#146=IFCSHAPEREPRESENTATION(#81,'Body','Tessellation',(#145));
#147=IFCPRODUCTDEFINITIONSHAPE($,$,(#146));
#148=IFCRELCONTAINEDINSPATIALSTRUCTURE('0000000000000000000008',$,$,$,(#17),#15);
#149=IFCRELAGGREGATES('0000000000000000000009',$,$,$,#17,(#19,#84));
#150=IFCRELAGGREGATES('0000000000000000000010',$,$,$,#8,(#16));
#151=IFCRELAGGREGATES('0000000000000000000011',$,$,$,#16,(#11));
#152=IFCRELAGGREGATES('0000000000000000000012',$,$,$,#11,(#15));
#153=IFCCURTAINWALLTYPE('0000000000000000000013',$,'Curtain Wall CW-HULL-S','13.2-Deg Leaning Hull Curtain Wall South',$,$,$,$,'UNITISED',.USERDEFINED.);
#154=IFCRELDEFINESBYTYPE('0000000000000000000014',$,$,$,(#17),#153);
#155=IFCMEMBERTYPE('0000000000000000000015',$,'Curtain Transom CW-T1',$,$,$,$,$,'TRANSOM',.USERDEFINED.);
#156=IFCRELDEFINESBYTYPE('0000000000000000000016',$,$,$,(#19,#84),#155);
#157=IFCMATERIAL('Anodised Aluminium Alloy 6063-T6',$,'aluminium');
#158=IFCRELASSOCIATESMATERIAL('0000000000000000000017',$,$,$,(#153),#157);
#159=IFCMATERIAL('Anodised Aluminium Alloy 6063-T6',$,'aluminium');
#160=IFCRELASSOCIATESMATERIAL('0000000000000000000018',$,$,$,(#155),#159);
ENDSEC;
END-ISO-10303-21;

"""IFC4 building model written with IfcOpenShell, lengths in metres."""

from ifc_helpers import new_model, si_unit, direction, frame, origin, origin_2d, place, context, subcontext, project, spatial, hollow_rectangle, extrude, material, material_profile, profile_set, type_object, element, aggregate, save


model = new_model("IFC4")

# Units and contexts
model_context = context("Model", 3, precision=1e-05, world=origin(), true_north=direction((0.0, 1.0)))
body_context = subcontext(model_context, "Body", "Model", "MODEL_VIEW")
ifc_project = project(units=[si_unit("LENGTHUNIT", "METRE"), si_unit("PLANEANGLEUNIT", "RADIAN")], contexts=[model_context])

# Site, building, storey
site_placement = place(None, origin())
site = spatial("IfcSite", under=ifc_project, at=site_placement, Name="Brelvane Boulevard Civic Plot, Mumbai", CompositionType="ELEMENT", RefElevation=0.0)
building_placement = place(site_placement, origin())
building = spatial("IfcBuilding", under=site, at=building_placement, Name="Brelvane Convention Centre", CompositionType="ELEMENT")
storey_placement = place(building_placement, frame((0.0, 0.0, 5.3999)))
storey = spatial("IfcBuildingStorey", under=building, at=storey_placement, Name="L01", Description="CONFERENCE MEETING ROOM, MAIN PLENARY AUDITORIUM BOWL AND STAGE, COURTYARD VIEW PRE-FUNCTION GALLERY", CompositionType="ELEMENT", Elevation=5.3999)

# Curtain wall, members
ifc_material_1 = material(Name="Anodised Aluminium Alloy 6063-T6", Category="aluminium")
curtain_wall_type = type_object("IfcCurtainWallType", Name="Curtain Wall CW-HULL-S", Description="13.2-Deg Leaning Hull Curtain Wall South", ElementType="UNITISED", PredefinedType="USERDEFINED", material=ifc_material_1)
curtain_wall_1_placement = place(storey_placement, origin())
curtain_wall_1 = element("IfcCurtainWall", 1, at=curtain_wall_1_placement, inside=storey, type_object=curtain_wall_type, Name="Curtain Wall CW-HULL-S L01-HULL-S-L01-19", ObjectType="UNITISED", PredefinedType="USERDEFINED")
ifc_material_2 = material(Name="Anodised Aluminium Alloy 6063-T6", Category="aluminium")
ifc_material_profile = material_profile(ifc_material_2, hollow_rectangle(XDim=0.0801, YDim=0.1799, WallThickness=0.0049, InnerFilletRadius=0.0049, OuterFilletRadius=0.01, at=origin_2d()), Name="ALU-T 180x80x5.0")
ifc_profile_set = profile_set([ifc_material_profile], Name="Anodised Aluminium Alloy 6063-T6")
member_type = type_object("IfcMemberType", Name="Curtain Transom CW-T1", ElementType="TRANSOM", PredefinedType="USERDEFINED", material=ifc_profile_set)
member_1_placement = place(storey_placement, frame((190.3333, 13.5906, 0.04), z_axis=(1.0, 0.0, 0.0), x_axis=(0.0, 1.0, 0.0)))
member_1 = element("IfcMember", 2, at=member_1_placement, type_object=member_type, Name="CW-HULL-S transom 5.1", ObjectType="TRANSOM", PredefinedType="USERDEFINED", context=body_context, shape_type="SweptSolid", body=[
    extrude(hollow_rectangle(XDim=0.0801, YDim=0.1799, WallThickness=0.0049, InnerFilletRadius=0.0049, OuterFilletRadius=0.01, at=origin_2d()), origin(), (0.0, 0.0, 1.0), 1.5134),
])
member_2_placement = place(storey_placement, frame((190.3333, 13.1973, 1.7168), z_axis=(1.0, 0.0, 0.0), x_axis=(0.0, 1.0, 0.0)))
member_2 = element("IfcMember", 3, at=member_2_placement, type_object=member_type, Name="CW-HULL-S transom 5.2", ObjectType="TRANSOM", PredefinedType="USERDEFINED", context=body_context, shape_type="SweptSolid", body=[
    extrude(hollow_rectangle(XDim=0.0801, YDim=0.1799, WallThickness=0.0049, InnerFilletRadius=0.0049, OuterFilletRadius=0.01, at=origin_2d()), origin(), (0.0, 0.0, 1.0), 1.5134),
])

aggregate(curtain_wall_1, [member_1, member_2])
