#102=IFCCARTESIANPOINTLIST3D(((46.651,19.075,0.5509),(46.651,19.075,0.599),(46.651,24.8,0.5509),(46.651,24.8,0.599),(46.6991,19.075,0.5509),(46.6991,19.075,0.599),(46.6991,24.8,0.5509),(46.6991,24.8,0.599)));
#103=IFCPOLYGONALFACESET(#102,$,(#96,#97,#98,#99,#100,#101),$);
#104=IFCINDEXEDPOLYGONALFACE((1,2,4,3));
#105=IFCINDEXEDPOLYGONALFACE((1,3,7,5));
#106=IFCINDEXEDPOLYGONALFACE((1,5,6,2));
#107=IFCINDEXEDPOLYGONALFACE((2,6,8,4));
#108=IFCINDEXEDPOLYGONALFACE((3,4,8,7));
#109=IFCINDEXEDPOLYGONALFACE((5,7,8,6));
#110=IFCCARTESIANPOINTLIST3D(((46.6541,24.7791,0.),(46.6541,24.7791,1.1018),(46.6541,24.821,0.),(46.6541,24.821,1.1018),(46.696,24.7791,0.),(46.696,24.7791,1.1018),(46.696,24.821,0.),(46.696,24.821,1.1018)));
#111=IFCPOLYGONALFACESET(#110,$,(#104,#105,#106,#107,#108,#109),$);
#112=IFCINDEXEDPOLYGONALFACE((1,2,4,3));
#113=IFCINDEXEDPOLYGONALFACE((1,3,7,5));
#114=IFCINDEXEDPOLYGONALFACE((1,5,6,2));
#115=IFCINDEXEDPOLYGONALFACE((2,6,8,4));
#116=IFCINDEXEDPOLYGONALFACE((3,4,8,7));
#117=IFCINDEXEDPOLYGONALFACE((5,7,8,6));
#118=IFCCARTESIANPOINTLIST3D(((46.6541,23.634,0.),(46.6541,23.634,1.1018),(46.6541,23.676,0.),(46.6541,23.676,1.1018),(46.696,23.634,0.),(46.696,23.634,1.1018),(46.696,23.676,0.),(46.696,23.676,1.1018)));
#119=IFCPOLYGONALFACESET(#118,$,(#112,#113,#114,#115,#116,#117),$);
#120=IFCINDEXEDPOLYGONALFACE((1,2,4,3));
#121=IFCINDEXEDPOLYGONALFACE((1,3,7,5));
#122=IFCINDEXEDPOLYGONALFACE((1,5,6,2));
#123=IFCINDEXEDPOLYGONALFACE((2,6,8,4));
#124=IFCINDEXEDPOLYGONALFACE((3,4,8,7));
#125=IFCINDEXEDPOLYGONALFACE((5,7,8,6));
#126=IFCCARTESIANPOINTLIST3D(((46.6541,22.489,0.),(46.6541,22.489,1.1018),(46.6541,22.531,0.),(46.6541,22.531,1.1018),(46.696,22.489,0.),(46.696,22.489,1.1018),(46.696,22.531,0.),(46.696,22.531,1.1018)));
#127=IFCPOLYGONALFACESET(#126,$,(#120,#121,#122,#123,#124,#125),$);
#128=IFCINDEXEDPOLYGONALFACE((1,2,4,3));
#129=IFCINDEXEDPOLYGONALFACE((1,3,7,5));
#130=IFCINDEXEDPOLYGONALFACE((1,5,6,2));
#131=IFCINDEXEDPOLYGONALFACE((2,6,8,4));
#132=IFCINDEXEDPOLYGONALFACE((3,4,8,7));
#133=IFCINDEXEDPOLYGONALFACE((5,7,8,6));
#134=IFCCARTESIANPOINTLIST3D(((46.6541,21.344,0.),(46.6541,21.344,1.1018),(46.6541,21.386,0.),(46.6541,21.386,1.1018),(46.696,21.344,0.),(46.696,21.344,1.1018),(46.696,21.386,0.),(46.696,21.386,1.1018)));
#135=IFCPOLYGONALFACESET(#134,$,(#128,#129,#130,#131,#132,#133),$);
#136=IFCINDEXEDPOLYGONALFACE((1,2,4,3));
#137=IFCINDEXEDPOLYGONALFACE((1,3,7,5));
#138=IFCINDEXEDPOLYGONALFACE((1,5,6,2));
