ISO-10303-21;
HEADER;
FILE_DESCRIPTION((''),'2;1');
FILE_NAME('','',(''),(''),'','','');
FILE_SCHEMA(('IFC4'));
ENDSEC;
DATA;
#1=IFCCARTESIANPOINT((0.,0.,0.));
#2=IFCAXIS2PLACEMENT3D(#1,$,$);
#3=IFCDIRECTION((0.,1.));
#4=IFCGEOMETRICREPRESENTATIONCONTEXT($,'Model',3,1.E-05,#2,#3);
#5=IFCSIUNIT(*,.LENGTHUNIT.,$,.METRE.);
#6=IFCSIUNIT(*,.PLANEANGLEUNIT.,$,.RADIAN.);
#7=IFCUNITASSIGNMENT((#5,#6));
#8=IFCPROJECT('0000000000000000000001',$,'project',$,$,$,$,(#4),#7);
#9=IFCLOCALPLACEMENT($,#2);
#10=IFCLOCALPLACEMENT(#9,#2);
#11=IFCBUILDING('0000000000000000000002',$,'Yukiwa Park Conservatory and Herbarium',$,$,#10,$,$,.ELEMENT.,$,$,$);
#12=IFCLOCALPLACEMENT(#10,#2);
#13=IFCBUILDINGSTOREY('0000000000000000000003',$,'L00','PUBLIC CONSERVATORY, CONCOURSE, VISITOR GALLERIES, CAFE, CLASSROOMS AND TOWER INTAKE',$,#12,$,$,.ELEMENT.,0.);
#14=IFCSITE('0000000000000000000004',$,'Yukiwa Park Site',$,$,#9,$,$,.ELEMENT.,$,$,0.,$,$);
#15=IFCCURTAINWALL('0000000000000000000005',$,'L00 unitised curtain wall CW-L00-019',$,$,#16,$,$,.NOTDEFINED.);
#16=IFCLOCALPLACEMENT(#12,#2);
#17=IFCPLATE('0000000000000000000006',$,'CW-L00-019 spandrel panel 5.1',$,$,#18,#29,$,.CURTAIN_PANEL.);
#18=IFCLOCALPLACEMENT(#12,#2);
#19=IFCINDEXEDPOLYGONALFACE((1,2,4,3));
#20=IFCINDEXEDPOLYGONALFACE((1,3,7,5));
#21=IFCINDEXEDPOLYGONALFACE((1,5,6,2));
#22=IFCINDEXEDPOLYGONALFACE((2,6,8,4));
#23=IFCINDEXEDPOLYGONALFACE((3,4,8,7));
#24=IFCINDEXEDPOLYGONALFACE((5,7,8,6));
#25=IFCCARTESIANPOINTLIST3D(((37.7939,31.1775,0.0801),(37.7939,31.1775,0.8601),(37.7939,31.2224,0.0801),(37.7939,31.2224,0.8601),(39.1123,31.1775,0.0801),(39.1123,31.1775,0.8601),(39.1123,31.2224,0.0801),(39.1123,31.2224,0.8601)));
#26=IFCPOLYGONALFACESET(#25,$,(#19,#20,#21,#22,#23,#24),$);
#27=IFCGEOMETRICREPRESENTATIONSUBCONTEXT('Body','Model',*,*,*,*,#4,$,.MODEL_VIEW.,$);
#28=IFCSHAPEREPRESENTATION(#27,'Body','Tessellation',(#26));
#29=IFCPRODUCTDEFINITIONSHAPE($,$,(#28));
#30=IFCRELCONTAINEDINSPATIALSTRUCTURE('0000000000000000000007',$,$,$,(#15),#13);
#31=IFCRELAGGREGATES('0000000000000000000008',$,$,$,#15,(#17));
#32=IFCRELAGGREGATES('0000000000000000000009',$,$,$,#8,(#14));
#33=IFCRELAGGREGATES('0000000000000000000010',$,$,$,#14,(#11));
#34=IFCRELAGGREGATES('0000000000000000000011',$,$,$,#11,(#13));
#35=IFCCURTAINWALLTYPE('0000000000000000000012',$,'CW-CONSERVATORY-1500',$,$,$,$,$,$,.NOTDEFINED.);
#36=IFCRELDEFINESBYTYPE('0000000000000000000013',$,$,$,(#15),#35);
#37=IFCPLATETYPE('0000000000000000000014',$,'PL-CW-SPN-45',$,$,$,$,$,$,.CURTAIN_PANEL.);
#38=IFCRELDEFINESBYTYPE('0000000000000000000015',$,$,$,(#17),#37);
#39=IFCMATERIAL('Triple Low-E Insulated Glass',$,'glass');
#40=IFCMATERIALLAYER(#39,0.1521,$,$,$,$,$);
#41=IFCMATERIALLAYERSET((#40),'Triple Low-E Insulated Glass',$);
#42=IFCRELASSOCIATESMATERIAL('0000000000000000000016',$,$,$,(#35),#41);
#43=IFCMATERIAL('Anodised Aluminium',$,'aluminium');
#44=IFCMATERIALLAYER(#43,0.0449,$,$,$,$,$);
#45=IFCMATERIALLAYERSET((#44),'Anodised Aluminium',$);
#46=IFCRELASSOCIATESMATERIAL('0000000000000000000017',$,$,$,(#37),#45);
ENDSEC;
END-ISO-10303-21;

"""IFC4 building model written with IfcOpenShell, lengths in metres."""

from ifc_helpers import new_model, si_unit, direction, frame, origin, origin_2d, place, context, subcontext, project, spatial, rectangle, extrude, material, layer, layer_set, type_object, element, aggregate, save


model = new_model("IFC4")

# Units and contexts
model_context = context("Model", 3, precision=1e-05, world=origin(), true_north=direction((0.0, 1.0)))
body_context = subcontext(model_context, "Body", "Model", "MODEL_VIEW")
ifc_project = project(units=[si_unit("LENGTHUNIT", "METRE"), si_unit("PLANEANGLEUNIT", "RADIAN")], contexts=[model_context])

# Site, building, storey
site_placement = place(None, origin())
site = spatial("IfcSite", under=ifc_project, at=site_placement, Name="Yukiwa Park Site", CompositionType="ELEMENT", RefElevation=0.0)
building_placement = place(site_placement, origin())
building = spatial("IfcBuilding", under=site, at=building_placement, Name="Yukiwa Park Conservatory and Herbarium", CompositionType="ELEMENT")
storey_placement = place(building_placement, origin())
storey = spatial("IfcBuildingStorey", under=building, at=storey_placement, Name="L00", Description="PUBLIC CONSERVATORY, CONCOURSE, VISITOR GALLERIES, CAFE, CLASSROOMS AND TOWER INTAKE", CompositionType="ELEMENT", Elevation=0.0)

# Curtain wall, plate
ifc_material_1 = material(Name="Triple Low-E Insulated Glass", Category="glass")
ifc_layer_1 = layer(ifc_material_1, 0.1521)
ifc_layer_set_1 = layer_set([ifc_layer_1], Name="Triple Low-E Insulated Glass")
curtain_wall_type = type_object("IfcCurtainWallType", Name="CW-CONSERVATORY-1500", PredefinedType="NOTDEFINED", material=ifc_layer_set_1)
curtain_wall_placement = place(storey_placement, origin())
curtain_wall = element("IfcCurtainWall", 1, at=curtain_wall_placement, inside=storey, type_object=curtain_wall_type, Name="L00 unitised curtain wall CW-L00-019", PredefinedType="NOTDEFINED")
ifc_material_2 = material(Name="Anodised Aluminium", Category="aluminium")
ifc_layer_2 = layer(ifc_material_2, 0.0449)
ifc_layer_set_2 = layer_set([ifc_layer_2], Name="Anodised Aluminium")
plate_type_1 = type_object("IfcPlateType", Name="PL-CW-SPN-45", PredefinedType="CURTAIN_PANEL", material=ifc_layer_set_2)
plate_1_placement = place(storey_placement, frame((38.4531, 31.2, 0.0801), z_axis=(0.0, 0.0, 1.0), x_axis=(-1.0, 0.0, 0.0)))
plate_1 = element("IfcPlate", 2, at=plate_1_placement, type_object=plate_type_1, Name="CW-L00-019 spandrel panel 5.1", PredefinedType="CURTAIN_PANEL", context=body_context, shape_type="SweptSolid", body=[
    extrude(rectangle(XDim=1.3184, YDim=0.0449, at=origin_2d()), origin(), (0.0, 0.0, 1.0), 0.78),
])
aggregate(curtain_wall, [plate_1])

save(model, "model.ifc")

TASK GOAL —
Find the word "IFCPOLYGONALFACESET" in the material, then list each line that holds it.

YOUR SOLUTION —
#103=IFCPOLYGONALFACESET(#102,$,(#96,#97,#98,#99,#100,#101),$);
#111=IFCPOLYGONALFACESET(#110,$,(#104,#105,#106,#107,#108,#109),$);
#119=IFCPOLYGONALFACESET(#118,$,(#112,#113,#114,#115,#116,#117),$);
#127=IFCPOLYGONALFACESET(#126,$,(#120,#121,#122,#123,#124,#125),$);
#135=IFCPOLYGONALFACESET(#134,$,(#128,#129,#130,#131,#132,#133),$);
#26=IFCPOLYGONALFACESET(#25,$,(#19,#20,#21,#22,#23,#24),$);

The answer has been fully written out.